* WHAT NEEDS TO BE DONE
If a line in the records below contains the word "IfcOpeningElement", copy it.

====

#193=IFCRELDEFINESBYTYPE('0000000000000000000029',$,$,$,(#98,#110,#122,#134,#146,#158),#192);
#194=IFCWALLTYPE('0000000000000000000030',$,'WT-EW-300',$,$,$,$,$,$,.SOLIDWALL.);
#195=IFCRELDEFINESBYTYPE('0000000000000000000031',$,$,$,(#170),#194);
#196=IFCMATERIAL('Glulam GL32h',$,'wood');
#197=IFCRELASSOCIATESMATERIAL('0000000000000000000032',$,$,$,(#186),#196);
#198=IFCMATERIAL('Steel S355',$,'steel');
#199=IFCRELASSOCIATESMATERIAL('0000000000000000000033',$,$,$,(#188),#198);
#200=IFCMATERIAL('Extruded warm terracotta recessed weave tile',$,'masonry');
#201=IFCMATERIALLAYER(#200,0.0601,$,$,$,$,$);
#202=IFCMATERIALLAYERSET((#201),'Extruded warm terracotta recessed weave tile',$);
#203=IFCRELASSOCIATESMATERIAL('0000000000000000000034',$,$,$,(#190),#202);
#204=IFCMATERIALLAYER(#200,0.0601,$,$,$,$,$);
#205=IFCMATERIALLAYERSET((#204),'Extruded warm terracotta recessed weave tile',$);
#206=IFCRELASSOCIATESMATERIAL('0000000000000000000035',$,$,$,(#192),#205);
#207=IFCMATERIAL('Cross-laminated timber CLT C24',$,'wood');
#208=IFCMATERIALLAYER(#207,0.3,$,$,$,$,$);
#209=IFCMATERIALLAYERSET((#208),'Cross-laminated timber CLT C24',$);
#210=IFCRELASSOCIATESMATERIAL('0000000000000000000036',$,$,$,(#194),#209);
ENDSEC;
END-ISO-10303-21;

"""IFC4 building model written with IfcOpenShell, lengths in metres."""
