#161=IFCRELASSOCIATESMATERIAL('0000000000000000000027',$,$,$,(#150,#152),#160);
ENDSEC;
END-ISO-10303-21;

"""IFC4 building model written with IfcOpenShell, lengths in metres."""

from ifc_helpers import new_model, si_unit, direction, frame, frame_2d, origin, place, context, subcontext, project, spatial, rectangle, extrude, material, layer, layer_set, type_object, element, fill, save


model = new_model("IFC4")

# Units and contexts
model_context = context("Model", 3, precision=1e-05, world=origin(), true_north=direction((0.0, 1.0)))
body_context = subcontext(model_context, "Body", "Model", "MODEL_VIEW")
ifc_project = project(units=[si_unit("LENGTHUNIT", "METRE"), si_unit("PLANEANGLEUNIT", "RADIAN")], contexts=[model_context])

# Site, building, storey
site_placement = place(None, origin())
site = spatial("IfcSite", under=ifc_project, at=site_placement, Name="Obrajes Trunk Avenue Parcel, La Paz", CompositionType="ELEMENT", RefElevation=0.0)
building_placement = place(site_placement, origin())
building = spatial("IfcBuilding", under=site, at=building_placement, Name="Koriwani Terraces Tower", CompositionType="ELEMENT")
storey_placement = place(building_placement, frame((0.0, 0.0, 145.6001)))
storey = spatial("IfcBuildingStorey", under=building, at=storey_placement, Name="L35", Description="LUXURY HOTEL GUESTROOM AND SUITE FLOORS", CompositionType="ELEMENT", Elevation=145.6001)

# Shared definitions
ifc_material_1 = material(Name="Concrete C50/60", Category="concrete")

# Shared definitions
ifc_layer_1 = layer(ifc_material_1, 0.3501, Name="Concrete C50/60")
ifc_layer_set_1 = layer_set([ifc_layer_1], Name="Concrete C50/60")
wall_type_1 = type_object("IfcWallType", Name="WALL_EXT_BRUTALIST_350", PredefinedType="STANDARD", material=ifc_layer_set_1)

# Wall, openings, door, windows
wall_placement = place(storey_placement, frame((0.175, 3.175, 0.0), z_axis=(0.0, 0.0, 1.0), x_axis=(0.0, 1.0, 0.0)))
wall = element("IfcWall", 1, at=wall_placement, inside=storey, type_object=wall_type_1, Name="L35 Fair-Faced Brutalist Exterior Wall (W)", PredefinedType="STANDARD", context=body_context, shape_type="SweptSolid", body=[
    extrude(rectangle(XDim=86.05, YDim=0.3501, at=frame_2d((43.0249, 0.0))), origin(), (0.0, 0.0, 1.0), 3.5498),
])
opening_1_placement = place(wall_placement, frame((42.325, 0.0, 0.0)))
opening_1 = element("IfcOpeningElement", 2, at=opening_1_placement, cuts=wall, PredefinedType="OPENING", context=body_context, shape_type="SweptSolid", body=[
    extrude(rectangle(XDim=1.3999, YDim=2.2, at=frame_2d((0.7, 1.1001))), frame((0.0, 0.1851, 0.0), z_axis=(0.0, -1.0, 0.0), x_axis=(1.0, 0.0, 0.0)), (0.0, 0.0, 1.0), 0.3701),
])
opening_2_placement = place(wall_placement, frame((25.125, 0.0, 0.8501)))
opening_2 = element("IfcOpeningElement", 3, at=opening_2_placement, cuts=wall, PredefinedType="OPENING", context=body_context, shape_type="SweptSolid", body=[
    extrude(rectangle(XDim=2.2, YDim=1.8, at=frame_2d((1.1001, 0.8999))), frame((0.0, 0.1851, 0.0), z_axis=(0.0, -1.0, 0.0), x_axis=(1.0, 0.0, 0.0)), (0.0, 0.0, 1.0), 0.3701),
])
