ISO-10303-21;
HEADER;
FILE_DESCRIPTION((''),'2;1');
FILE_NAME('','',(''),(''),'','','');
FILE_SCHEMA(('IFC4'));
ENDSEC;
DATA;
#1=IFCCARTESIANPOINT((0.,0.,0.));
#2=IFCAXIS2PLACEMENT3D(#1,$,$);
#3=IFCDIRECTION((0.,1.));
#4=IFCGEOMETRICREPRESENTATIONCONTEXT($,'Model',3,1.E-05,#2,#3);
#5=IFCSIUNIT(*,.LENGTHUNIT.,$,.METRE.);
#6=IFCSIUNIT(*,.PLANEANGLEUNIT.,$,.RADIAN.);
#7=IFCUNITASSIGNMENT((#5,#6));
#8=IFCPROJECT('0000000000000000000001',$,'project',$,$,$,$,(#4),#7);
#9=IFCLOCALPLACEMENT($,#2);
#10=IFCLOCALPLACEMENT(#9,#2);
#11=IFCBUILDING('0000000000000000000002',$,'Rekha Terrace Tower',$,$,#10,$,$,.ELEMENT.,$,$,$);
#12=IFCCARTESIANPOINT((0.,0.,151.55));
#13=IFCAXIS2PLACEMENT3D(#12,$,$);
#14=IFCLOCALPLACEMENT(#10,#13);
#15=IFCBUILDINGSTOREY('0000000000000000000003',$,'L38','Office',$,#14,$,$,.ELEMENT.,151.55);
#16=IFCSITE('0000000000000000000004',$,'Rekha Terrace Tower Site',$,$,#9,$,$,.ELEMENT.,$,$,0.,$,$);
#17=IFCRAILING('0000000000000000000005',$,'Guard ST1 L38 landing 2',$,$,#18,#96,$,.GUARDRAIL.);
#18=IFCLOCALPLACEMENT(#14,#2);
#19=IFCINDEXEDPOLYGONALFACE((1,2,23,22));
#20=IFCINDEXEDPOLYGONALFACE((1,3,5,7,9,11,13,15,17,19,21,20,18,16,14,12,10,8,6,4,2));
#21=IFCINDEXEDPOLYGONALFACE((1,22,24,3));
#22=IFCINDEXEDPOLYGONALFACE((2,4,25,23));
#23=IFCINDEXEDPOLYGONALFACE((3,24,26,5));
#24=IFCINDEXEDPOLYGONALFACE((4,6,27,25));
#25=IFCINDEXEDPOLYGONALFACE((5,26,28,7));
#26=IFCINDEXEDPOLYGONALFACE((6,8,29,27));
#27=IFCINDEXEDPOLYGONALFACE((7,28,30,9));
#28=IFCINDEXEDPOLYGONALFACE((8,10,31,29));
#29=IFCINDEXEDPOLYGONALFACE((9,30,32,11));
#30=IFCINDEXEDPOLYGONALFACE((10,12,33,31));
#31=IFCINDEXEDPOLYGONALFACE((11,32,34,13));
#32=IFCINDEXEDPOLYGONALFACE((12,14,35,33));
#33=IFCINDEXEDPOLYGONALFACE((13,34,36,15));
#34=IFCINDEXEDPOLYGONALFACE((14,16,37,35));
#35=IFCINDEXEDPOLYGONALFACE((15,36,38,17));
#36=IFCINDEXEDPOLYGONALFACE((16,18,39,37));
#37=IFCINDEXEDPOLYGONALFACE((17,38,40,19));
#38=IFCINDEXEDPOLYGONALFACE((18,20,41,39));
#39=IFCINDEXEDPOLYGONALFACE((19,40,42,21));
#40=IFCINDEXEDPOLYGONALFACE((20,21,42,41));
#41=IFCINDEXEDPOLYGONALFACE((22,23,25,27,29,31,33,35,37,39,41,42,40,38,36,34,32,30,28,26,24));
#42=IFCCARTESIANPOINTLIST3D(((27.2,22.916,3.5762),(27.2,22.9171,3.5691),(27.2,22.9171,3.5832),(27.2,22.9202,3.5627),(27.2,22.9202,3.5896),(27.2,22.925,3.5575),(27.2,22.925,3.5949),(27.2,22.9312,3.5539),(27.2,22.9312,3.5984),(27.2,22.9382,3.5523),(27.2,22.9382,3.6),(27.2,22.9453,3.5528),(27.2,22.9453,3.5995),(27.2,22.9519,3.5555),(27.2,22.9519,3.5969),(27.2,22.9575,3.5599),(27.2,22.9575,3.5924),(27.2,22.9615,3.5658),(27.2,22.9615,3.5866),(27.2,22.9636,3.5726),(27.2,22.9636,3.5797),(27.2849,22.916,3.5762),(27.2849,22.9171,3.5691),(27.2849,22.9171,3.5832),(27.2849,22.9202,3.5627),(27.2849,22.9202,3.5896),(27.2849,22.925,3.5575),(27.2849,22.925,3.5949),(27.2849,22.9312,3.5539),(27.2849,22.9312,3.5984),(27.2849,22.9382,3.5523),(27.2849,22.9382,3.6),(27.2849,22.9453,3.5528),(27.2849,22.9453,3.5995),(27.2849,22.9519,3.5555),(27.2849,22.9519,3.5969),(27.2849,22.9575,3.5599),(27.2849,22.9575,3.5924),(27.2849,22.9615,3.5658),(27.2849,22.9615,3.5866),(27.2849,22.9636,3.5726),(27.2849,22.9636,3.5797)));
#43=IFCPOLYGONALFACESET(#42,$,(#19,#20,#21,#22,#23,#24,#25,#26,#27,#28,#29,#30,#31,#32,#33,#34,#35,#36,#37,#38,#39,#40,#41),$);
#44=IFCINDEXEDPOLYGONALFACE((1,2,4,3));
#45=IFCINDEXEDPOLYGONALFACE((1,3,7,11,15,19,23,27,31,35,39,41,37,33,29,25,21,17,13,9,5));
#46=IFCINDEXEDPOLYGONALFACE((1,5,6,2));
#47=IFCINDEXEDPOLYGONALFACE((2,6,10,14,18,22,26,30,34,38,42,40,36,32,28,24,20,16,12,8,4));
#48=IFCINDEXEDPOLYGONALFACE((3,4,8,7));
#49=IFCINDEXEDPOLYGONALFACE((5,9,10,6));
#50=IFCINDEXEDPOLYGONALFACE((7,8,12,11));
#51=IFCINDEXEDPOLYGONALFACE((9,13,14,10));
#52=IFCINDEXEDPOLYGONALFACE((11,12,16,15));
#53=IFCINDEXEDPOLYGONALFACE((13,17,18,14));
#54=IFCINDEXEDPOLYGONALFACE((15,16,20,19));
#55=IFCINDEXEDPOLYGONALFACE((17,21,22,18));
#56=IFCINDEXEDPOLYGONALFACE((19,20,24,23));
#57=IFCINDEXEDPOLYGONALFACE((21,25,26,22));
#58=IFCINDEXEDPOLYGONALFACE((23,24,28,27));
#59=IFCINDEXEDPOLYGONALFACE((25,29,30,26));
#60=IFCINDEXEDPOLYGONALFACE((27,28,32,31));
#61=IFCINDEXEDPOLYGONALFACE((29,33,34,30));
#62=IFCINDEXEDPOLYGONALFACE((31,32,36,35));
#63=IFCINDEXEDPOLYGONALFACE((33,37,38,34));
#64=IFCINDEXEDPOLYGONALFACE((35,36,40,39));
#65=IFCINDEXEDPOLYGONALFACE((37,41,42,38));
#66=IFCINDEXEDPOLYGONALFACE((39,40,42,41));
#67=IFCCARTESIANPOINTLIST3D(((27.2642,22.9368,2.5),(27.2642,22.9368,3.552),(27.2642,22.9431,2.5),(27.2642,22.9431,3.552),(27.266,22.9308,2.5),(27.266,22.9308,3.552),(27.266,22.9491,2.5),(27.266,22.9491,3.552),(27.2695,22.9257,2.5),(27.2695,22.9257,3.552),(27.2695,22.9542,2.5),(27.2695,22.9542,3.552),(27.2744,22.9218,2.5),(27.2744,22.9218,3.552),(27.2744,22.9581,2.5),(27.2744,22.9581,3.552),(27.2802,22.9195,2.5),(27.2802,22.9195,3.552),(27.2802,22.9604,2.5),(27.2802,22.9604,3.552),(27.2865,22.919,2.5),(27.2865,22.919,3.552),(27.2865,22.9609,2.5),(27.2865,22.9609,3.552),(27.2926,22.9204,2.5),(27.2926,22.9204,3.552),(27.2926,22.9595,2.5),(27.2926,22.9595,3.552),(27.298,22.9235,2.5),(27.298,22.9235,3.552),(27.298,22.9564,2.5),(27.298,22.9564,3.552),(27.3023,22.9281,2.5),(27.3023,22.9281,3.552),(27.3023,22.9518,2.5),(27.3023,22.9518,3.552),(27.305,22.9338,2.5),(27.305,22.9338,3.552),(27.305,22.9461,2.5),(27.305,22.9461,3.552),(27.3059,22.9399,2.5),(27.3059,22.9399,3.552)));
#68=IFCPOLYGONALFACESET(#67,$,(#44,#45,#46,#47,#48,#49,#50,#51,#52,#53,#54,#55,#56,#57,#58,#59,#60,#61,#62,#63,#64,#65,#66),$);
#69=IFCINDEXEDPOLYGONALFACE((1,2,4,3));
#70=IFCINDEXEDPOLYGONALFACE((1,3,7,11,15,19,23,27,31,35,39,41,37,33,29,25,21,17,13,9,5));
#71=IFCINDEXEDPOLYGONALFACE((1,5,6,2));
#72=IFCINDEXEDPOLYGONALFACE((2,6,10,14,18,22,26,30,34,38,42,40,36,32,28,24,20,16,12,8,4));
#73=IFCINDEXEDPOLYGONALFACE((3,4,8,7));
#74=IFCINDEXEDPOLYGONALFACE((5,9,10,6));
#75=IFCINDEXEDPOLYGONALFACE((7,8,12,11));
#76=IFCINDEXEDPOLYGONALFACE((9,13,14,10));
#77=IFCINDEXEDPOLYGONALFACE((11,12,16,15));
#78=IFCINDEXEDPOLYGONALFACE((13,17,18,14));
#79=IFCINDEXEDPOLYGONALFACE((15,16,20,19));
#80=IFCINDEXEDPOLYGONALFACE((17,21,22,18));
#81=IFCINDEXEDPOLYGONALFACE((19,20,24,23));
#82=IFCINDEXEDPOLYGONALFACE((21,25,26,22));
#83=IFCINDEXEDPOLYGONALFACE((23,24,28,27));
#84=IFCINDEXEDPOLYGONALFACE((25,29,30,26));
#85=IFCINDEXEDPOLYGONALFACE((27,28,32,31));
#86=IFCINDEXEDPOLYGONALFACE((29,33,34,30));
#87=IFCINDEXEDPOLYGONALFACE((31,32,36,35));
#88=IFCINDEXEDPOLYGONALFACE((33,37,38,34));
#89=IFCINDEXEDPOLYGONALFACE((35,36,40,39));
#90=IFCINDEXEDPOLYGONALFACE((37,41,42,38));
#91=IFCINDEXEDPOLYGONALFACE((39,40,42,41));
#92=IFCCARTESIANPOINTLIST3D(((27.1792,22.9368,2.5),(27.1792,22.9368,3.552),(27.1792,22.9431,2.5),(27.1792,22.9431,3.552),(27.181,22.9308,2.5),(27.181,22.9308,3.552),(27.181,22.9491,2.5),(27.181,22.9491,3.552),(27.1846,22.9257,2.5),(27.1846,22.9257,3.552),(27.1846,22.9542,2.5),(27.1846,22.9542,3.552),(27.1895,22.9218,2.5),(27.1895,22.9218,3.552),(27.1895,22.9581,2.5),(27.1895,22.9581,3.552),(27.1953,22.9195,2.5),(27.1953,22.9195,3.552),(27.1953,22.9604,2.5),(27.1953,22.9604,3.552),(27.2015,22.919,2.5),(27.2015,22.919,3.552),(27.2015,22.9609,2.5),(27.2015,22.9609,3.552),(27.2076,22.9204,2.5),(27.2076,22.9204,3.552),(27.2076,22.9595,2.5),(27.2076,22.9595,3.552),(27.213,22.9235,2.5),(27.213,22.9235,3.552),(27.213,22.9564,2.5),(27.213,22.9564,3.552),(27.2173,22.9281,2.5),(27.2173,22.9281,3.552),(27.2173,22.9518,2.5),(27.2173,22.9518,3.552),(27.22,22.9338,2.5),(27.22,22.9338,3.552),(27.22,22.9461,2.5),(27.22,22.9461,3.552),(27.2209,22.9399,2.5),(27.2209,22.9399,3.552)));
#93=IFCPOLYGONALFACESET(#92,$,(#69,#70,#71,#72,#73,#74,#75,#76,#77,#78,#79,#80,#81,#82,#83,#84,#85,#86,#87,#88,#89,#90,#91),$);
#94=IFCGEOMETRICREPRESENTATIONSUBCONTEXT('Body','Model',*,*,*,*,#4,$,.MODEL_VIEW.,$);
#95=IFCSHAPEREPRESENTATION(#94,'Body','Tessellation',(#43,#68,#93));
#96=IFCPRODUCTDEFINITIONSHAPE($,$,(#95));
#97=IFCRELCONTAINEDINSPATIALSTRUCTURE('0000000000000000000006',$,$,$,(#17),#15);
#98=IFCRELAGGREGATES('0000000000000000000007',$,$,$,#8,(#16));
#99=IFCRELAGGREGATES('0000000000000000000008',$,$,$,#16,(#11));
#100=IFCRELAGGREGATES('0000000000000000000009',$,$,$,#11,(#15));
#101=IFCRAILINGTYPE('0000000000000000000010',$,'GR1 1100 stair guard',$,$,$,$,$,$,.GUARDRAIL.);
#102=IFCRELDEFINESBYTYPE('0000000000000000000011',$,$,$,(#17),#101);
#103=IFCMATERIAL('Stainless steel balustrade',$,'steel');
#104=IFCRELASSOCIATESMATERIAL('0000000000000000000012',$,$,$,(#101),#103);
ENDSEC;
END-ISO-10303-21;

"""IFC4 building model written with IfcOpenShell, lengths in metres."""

from ifc_helpers import new_model, si_unit, direction, frame, origin, origin_2d, place, context, subcontext, project, spatial, circle, extrude, material, type_object, element, save


model = new_model("IFC4")

# Units and contexts
model_context = context("Model", 3, precision=1e-05, world=origin(), true_north=direction((0.0, 1.0)))
body_context = subcontext(model_context, "Body", "Model", "MODEL_VIEW")
ifc_project = project(units=[si_unit("LENGTHUNIT", "METRE"), si_unit("PLANEANGLEUNIT", "RADIAN")], contexts=[model_context])

# Site, building, storey
site_placement = place(None, origin())
site = spatial("IfcSite", under=ifc_project, at=site_placement, Name="Rekha Terrace Tower Site", CompositionType="ELEMENT", RefElevation=0.0)
building_placement = place(site_placement, origin())
building = spatial("IfcBuilding", under=site, at=building_placement, Name="Rekha Terrace Tower", CompositionType="ELEMENT")
storey_placement = place(building_placement, frame((0.0, 0.0, 151.55)))
storey = spatial("IfcBuildingStorey", under=building, at=storey_placement, Name="L38", Description="Office", CompositionType="ELEMENT", Elevation=151.55)

# Railing
ifc_material_1 = material(Name="Stainless steel balustrade", Category="steel")
railing_type_1 = type_object("IfcRailingType", Name="GR1 1100 stair guard", PredefinedType="GUARDRAIL", material=ifc_material_1)
railing_1_placement = place(storey_placement, frame((27.2849, 22.9399, 2.5)))
element("IfcRailing", 1, at=railing_1_placement, inside=storey, type_object=railing_type_1, Name="Guard ST1 L38 landing 2", PredefinedType="GUARDRAIL", context=body_context, shape_type="SweptSolid", body=[
    extrude(circle(Radius=0.0239, at=origin_2d()), frame((0.0, 0.0, 1.0762), z_axis=(-1.0, 0.0, 0.0), x_axis=(0.0, -1.0, 0.0)), (0.0, 0.0, 1.0), 0.085),
    extrude(circle(Radius=0.021, at=origin_2d()), origin(), (0.0, 0.0, 1.0), 1.052),
    extrude(circle(Radius=0.021, at=origin_2d()), frame((-0.085, 0.0, 0.0)), (0.0, 0.0, 1.0), 1.052),
])

save(model, "model.ifc")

====

* RESPONSE TO THIS EXERCISE
opening_1 = element("IfcOpeningElement", 2, at=opening_1_placement, cuts=wall, PredefinedType="OPENING", context=body_context, shape_type="SweptSolid", body=[
opening_2 = element("IfcOpeningElement", 3, at=opening_2_placement, cuts=wall, PredefinedType="OPENING", context=body_context, shape_type="SweptSolid", body=[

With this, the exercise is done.